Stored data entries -
--------------------

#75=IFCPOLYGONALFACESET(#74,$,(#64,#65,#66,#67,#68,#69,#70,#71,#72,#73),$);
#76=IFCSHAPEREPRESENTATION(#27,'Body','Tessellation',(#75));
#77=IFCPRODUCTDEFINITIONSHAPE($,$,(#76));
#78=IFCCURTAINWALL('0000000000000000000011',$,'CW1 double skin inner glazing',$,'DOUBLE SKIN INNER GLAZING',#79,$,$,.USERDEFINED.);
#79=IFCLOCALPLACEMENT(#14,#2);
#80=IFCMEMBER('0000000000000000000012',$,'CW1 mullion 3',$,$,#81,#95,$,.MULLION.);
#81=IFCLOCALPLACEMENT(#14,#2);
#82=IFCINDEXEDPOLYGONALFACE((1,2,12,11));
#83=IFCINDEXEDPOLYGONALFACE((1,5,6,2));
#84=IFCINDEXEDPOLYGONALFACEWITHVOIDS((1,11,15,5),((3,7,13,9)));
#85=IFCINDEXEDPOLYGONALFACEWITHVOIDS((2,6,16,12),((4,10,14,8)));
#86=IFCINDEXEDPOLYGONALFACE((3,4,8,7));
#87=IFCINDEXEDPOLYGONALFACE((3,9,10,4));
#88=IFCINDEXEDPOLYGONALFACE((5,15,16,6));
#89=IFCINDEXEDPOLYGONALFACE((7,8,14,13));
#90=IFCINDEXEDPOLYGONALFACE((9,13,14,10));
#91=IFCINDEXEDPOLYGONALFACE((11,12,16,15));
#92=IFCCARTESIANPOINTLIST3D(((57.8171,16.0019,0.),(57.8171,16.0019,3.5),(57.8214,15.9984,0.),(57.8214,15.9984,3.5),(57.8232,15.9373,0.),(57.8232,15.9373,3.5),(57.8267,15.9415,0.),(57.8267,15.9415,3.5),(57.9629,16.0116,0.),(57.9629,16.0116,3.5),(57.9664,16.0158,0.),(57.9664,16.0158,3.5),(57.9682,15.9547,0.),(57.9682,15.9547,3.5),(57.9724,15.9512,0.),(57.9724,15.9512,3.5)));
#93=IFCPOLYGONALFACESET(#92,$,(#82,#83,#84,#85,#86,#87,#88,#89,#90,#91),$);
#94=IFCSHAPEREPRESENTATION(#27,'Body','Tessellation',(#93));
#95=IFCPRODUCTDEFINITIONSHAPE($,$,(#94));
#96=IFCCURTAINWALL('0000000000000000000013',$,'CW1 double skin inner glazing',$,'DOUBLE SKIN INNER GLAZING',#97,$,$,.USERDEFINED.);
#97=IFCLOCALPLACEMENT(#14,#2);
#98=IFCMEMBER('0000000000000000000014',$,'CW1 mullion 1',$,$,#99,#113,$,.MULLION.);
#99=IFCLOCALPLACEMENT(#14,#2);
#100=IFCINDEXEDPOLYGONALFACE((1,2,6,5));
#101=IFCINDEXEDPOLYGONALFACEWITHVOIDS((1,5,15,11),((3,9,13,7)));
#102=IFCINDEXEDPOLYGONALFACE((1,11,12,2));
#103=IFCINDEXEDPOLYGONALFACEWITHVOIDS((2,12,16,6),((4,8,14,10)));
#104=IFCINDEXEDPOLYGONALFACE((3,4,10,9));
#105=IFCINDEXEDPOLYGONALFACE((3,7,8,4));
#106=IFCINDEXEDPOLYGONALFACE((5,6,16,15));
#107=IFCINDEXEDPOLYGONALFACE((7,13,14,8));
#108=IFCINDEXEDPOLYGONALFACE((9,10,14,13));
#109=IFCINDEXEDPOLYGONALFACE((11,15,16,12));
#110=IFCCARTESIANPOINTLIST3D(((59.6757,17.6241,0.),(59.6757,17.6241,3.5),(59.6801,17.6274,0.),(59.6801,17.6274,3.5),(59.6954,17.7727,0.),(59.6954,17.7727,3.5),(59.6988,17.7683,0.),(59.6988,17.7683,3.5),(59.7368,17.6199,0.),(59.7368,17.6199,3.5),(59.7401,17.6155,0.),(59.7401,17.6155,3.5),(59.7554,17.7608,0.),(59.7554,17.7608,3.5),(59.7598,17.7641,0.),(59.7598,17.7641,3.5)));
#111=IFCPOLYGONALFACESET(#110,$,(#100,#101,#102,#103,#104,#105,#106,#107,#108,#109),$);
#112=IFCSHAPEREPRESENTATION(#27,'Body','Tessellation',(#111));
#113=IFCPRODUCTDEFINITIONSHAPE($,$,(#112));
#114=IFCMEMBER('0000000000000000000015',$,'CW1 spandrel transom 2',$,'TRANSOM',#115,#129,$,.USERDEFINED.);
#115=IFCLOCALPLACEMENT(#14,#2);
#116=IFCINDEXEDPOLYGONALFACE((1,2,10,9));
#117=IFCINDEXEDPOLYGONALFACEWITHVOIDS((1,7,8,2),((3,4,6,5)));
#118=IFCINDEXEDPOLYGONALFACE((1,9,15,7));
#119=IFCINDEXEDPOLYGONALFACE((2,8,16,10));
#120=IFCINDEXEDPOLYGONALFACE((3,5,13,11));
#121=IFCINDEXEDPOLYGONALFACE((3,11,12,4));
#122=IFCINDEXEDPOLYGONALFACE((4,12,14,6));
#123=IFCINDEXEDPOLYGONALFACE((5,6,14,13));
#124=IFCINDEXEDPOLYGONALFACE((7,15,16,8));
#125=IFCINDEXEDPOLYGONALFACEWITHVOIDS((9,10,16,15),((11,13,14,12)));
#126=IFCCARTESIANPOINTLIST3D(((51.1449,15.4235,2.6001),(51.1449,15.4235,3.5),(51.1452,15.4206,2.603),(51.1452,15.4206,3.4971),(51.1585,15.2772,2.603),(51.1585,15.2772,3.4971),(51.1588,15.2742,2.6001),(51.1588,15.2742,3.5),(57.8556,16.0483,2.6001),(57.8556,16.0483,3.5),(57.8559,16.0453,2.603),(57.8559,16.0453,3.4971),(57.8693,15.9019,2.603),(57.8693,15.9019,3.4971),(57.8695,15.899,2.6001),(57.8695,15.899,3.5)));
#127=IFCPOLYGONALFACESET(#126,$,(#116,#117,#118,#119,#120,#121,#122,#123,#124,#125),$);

--------------------

Exercise requirements - Which lines belong in the answer? Exactly those from the first line of the entries through the line holding "#89=IFCINDEXEDPOLYGONALFACE((7,8,14,13));", inclusive, copied unchanged.

Written response -
#75=IFCPOLYGONALFACESET(#74,$,(#64,#65,#66,#67,#68,#69,#70,#71,#72,#73),$);
#76=IFCSHAPEREPRESENTATION(#27,'Body','Tessellation',(#75));
#77=IFCPRODUCTDEFINITIONSHAPE($,$,(#76));
#78=IFCCURTAINWALL('0000000000000000000011',$,'CW1 double skin inner glazing',$,'DOUBLE SKIN INNER GLAZING',#79,$,$,.USERDEFINED.);
#79=IFCLOCALPLACEMENT(#14,#2);
#80=IFCMEMBER('0000000000000000000012',$,'CW1 mullion 3',$,$,#81,#95,$,.MULLION.);
#81=IFCLOCALPLACEMENT(#14,#2);
#82=IFCINDEXEDPOLYGONALFACE((1,2,12,11));
#83=IFCINDEXEDPOLYGONALFACE((1,5,6,2));
#84=IFCINDEXEDPOLYGONALFACEWITHVOIDS((1,11,15,5),((3,7,13,9)));
#85=IFCINDEXEDPOLYGONALFACEWITHVOIDS((2,6,16,12),((4,10,14,8)));
#86=IFCINDEXEDPOLYGONALFACE((3,4,8,7));
#87=IFCINDEXEDPOLYGONALFACE((3,9,10,4));
#88=IFCINDEXEDPOLYGONALFACE((5,15,16,6));
#89=IFCINDEXEDPOLYGONALFACE((7,8,14,13));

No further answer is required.